**TASK TO COMPLETE:**
Below are entries. Copy exactly the lines running from the line that holds "#103=IFCLOCALPLACEMENT(#14,#2);" to the line that holds "#108=IFCINDEXEDPOLYGONALFACE((3,4,8,7));", with both ends included.

════════════════

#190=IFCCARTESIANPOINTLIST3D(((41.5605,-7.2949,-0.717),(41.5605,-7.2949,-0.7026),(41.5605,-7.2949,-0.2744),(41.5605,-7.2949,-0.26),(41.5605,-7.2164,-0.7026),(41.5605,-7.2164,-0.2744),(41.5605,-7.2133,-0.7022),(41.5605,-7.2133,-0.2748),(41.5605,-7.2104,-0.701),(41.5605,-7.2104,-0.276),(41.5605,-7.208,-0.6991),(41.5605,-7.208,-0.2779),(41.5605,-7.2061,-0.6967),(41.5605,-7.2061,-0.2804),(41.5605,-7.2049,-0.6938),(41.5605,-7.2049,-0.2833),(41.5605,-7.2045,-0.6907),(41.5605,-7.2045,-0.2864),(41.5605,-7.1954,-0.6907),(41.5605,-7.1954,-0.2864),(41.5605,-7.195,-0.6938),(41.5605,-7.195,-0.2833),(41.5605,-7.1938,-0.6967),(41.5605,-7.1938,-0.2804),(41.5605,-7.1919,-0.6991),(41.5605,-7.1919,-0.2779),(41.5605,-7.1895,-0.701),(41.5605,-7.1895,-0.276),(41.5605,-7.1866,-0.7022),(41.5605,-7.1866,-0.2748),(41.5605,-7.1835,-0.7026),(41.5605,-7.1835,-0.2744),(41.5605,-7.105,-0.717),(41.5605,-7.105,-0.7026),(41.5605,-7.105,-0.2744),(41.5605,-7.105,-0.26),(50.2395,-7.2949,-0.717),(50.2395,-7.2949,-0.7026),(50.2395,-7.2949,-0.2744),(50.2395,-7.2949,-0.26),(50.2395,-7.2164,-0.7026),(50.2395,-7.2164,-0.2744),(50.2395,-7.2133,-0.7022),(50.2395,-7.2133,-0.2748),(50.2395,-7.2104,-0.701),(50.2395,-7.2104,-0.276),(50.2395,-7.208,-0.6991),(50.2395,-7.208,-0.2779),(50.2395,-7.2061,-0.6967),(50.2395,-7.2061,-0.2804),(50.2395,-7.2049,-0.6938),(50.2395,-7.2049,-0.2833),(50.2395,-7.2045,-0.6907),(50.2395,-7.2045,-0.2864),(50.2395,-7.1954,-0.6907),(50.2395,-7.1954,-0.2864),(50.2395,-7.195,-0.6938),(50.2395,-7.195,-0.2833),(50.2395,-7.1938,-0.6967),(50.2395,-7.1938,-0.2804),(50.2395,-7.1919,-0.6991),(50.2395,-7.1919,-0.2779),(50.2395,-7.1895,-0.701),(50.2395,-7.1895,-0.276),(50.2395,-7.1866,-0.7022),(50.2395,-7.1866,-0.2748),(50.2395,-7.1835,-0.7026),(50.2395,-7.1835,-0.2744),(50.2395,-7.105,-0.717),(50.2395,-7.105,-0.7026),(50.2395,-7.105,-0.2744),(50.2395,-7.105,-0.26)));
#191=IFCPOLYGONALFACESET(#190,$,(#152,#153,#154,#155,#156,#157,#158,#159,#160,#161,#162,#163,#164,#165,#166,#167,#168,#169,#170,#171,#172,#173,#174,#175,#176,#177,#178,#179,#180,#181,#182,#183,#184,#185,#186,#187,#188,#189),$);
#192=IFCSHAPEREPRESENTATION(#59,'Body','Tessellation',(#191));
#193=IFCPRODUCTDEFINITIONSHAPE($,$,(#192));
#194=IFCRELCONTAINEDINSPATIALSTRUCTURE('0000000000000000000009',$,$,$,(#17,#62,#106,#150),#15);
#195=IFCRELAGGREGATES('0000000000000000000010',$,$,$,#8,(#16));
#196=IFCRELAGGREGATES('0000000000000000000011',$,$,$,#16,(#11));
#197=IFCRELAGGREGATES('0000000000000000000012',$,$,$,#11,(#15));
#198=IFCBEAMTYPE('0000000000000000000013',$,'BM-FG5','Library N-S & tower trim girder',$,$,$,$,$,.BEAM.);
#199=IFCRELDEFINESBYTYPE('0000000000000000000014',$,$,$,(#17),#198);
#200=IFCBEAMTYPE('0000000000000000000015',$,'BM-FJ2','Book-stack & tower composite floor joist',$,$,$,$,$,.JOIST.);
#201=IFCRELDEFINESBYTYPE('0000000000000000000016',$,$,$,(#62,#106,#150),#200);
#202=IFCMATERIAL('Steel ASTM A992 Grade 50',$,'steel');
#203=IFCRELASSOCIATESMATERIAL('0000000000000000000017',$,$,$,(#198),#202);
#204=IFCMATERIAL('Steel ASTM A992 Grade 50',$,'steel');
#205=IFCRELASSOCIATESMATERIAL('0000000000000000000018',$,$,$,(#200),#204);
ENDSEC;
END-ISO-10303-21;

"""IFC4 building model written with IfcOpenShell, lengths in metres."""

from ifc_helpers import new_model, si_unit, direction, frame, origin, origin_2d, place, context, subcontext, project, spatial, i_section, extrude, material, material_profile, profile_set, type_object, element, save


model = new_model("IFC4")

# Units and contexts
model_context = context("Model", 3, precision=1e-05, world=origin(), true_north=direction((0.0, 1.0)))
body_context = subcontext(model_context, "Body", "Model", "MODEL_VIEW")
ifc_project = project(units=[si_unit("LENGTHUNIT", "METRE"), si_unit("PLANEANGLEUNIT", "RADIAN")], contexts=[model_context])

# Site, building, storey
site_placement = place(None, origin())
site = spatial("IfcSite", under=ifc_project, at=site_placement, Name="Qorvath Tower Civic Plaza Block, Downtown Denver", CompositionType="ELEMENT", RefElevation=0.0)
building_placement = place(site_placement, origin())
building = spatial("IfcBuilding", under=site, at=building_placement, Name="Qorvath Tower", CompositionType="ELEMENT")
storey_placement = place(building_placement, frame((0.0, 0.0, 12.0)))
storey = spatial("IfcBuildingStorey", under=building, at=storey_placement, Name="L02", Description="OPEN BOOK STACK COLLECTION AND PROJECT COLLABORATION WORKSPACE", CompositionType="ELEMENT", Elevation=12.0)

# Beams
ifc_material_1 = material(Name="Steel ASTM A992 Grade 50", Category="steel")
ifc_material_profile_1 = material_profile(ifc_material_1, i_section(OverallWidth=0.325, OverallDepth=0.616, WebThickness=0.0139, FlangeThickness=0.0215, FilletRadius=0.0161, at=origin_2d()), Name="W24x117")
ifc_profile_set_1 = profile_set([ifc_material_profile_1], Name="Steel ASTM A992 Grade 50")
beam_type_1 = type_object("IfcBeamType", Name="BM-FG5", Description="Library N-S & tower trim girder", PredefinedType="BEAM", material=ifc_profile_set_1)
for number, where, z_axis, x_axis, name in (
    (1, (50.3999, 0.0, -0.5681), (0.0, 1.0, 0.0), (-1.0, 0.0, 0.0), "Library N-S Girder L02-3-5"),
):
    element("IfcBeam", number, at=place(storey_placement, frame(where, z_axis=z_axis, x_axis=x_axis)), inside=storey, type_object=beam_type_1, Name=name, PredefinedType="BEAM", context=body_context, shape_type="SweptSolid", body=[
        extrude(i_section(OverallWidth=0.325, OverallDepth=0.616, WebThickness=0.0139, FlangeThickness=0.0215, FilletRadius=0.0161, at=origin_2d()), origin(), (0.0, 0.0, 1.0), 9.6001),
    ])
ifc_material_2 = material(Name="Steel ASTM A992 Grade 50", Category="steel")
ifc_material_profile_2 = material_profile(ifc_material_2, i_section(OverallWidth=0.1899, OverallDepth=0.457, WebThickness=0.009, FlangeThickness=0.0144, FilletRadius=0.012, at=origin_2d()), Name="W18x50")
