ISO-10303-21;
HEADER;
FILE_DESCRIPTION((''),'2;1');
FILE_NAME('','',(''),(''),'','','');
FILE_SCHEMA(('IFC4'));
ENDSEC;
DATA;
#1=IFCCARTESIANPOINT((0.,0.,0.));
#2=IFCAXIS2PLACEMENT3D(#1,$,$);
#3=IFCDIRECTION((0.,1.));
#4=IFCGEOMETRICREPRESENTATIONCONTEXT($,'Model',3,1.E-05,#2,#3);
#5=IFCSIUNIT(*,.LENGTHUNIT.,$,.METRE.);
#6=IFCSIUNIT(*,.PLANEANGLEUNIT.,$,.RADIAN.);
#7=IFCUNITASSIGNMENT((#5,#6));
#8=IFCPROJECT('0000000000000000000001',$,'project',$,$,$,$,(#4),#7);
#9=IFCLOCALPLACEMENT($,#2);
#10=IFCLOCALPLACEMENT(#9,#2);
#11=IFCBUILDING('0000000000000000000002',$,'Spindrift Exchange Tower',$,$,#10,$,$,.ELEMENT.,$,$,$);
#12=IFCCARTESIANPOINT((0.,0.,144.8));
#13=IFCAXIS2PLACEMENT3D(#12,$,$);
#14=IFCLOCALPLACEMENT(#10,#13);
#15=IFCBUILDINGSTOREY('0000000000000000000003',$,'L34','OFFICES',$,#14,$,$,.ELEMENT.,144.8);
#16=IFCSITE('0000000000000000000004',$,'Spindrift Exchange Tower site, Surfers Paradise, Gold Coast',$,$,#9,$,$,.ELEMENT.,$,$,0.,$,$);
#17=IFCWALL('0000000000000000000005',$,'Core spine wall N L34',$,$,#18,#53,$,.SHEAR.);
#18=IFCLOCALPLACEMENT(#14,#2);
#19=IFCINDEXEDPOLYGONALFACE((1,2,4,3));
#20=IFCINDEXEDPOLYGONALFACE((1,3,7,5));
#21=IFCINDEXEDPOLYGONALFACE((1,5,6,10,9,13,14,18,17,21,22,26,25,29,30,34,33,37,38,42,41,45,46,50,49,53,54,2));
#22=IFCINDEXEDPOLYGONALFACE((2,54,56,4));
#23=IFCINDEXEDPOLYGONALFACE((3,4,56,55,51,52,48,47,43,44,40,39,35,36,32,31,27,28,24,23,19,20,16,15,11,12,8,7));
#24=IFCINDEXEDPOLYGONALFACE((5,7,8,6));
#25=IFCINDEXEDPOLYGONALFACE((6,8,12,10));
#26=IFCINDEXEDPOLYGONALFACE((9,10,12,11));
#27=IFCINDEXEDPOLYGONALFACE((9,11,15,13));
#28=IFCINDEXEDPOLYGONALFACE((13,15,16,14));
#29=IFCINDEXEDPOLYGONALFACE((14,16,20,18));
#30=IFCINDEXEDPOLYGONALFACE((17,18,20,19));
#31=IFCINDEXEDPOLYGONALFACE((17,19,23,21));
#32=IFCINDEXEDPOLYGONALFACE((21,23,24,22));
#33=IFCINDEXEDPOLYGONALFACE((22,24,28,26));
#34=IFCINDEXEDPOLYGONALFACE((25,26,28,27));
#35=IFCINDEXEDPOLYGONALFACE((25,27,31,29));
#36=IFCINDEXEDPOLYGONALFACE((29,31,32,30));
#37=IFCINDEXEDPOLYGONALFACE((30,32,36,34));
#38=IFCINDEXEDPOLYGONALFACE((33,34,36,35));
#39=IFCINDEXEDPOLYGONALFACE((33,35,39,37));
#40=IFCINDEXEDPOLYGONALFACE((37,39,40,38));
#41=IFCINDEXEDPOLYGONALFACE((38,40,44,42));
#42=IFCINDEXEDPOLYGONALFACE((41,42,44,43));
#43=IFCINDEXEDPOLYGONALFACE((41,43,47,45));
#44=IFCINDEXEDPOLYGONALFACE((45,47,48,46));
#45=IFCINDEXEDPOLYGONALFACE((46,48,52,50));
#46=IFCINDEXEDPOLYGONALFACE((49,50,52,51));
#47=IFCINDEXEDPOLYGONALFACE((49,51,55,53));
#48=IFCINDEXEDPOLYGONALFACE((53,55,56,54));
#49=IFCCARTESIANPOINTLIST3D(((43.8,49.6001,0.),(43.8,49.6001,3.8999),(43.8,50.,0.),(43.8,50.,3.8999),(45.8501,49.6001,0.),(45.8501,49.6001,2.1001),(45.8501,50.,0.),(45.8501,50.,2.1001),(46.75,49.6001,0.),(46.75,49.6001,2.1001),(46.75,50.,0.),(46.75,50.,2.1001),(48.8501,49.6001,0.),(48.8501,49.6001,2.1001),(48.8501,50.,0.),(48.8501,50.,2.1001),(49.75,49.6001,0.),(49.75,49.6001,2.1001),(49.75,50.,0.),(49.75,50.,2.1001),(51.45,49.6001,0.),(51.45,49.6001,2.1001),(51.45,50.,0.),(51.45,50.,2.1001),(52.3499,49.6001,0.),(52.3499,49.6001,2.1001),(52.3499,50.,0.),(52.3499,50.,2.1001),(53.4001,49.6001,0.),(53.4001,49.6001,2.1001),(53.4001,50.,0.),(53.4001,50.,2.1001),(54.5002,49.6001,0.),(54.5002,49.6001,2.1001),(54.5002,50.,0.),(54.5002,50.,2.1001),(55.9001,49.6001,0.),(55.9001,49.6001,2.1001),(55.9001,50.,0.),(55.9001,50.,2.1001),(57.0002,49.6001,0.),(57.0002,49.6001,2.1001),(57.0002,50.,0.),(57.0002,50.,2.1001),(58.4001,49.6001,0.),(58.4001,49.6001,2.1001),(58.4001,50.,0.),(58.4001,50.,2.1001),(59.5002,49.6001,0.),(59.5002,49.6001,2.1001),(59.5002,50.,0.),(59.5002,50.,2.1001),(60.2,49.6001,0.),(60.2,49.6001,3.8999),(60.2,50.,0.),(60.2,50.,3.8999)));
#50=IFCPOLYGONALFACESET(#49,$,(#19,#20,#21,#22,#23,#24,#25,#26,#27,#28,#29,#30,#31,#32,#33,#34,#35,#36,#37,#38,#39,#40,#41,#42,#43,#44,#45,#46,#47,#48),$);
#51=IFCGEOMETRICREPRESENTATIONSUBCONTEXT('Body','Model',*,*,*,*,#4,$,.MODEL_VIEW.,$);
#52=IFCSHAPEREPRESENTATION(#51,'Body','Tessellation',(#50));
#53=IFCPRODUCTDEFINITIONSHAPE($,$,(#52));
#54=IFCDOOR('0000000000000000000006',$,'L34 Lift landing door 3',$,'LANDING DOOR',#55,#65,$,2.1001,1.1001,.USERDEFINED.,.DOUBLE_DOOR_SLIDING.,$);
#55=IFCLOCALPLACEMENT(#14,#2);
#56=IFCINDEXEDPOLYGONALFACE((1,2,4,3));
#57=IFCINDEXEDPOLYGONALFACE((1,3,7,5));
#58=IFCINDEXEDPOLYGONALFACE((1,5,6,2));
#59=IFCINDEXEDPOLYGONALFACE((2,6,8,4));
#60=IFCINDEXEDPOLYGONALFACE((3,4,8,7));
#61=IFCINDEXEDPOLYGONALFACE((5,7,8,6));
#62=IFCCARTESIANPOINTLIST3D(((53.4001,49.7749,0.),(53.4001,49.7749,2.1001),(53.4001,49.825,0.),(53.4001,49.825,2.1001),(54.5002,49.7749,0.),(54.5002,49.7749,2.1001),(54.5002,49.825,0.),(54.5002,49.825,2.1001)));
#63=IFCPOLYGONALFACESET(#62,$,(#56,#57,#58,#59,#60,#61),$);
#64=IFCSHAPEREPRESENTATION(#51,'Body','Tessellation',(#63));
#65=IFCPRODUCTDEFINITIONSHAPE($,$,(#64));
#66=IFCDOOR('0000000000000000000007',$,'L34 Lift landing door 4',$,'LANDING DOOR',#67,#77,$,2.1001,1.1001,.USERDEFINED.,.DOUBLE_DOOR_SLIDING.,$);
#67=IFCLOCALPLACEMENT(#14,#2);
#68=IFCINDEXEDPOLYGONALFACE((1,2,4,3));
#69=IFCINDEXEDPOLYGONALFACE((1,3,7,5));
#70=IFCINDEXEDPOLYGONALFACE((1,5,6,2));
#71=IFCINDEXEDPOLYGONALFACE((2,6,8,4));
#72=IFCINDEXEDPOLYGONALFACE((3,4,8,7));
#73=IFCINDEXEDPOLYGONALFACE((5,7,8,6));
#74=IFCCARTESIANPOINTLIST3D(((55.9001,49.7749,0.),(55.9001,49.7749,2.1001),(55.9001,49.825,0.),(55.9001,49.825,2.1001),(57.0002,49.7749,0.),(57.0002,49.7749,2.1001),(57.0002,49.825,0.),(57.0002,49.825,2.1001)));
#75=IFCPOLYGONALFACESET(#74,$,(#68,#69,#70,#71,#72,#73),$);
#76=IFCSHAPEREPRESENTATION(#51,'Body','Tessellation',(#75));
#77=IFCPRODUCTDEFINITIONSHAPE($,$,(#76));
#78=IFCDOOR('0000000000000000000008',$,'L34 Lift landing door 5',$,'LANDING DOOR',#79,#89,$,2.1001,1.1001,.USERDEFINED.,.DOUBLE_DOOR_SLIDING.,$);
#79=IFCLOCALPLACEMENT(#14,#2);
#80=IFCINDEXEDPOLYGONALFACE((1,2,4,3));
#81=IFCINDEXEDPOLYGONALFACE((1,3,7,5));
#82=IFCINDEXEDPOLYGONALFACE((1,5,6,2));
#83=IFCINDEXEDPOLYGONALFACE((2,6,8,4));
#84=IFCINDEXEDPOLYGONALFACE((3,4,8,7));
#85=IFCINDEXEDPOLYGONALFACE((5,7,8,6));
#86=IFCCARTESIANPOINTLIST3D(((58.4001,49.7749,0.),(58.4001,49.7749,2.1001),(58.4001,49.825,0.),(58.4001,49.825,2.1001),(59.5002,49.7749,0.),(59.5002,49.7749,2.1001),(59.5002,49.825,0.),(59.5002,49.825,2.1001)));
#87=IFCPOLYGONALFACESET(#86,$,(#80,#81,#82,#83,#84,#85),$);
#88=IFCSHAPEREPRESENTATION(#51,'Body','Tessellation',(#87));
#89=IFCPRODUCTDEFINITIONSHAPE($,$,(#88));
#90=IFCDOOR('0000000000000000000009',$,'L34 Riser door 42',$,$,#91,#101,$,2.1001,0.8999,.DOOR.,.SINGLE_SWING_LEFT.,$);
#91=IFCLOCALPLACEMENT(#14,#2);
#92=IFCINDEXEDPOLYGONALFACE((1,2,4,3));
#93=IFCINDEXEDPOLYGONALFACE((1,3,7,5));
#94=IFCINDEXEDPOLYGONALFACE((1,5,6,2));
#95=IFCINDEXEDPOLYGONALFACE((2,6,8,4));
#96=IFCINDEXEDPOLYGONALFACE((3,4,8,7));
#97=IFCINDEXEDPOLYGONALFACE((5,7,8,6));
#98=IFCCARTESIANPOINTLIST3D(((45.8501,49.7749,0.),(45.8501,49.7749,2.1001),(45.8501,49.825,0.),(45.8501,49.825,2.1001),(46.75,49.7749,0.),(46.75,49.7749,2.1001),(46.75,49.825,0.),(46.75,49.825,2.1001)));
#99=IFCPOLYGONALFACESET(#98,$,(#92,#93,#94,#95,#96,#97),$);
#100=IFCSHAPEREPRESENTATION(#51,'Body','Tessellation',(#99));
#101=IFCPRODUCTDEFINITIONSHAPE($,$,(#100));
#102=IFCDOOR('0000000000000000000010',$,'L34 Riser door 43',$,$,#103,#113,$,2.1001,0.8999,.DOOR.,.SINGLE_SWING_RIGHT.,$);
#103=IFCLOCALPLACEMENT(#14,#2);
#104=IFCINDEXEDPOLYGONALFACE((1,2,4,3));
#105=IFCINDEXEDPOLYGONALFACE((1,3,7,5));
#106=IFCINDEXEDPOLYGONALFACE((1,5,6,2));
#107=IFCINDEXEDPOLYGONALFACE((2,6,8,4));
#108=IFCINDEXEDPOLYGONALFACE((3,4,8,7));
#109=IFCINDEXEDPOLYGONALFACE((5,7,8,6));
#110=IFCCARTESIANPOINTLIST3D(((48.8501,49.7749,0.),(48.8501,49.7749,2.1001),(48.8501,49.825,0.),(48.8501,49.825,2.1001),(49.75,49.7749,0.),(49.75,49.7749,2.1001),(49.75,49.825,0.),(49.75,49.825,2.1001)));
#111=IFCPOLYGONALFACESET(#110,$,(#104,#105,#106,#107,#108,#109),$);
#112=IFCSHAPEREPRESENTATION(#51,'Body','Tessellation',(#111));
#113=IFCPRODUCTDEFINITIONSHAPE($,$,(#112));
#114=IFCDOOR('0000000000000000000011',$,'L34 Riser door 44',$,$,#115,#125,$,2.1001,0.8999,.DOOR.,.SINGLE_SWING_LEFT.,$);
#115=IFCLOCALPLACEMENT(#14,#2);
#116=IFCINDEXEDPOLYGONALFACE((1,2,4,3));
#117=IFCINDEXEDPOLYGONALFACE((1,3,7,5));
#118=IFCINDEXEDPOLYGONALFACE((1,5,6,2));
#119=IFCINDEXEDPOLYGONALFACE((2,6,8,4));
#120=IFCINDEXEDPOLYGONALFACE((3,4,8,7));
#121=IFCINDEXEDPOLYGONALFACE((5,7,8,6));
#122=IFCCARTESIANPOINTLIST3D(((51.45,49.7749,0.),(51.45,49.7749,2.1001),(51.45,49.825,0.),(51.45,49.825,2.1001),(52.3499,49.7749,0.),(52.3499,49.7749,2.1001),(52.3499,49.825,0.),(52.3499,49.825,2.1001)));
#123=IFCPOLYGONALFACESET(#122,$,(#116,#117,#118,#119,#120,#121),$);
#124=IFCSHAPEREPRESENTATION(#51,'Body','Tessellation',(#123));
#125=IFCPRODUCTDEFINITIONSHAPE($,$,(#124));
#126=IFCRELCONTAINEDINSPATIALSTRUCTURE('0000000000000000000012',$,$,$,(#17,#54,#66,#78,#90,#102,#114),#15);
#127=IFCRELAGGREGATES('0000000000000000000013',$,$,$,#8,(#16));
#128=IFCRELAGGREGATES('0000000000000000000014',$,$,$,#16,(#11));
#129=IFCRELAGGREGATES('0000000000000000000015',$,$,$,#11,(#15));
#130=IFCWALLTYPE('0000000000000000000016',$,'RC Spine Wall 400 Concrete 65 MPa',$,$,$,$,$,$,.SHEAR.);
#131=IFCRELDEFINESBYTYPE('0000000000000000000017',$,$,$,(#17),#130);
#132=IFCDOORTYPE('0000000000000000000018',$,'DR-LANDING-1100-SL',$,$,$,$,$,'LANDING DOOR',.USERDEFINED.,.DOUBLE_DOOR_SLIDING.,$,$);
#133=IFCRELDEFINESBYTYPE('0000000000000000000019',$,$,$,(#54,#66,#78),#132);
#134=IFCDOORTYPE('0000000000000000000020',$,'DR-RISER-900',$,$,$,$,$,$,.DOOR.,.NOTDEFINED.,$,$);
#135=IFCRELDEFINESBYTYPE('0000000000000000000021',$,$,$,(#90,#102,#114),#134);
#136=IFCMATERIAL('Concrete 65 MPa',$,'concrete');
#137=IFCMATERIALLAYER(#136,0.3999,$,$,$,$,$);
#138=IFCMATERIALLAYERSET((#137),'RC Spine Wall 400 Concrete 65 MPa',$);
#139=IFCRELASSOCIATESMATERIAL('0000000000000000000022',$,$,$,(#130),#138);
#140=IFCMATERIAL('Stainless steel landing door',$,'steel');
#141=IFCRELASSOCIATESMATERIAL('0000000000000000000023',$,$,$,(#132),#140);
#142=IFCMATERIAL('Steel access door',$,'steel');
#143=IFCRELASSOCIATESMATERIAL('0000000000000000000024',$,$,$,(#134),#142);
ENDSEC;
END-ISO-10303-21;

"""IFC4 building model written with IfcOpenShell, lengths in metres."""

from ifc_helpers import new_model, si_unit, direction, frame, frame_2d, origin, place, context, subcontext, project, spatial, rectangle, extrude, source, transform, mapped, material, layer, layer_set, type_object, element, fill, save


model = new_model("IFC4")

# Units and contexts
model_context = context("Model", 3, precision=1e-05, world=origin(), true_north=direction((0.0, 1.0)))
body_context = subcontext(model_context, "Body", "Model", "MODEL_VIEW")
ifc_project = project(units=[si_unit("LENGTHUNIT", "METRE"), si_unit("PLANEANGLEUNIT", "RADIAN")], contexts=[model_context])

# Site, building, storey
site_placement = place(None, origin())
site = spatial("IfcSite", under=ifc_project, at=site_placement, Name="Spindrift Exchange Tower site, Surfers Paradise, Gold Coast", CompositionType="ELEMENT", RefElevation=0.0)
building_placement = place(site_placement, origin())
building = spatial("IfcBuilding", under=site, at=building_placement, Name="Spindrift Exchange Tower", CompositionType="ELEMENT")
storey_placement = place(building_placement, frame((0.0, 0.0, 144.8)))
storey = spatial("IfcBuildingStorey", under=building, at=storey_placement, Name="L34", Description="OFFICES", CompositionType="ELEMENT", Elevation=144.8)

════════════════

**RESPONSE TO THIS TASK:**
#103=IFCLOCALPLACEMENT(#14,#2);
#104=IFCINDEXEDPOLYGONALFACE((1,2,4,3));
#105=IFCINDEXEDPOLYGONALFACE((1,3,7,5));
#106=IFCINDEXEDPOLYGONALFACE((1,5,6,2));
#107=IFCINDEXEDPOLYGONALFACE((2,6,8,4));
#108=IFCINDEXEDPOLYGONALFACE((3,4,8,7));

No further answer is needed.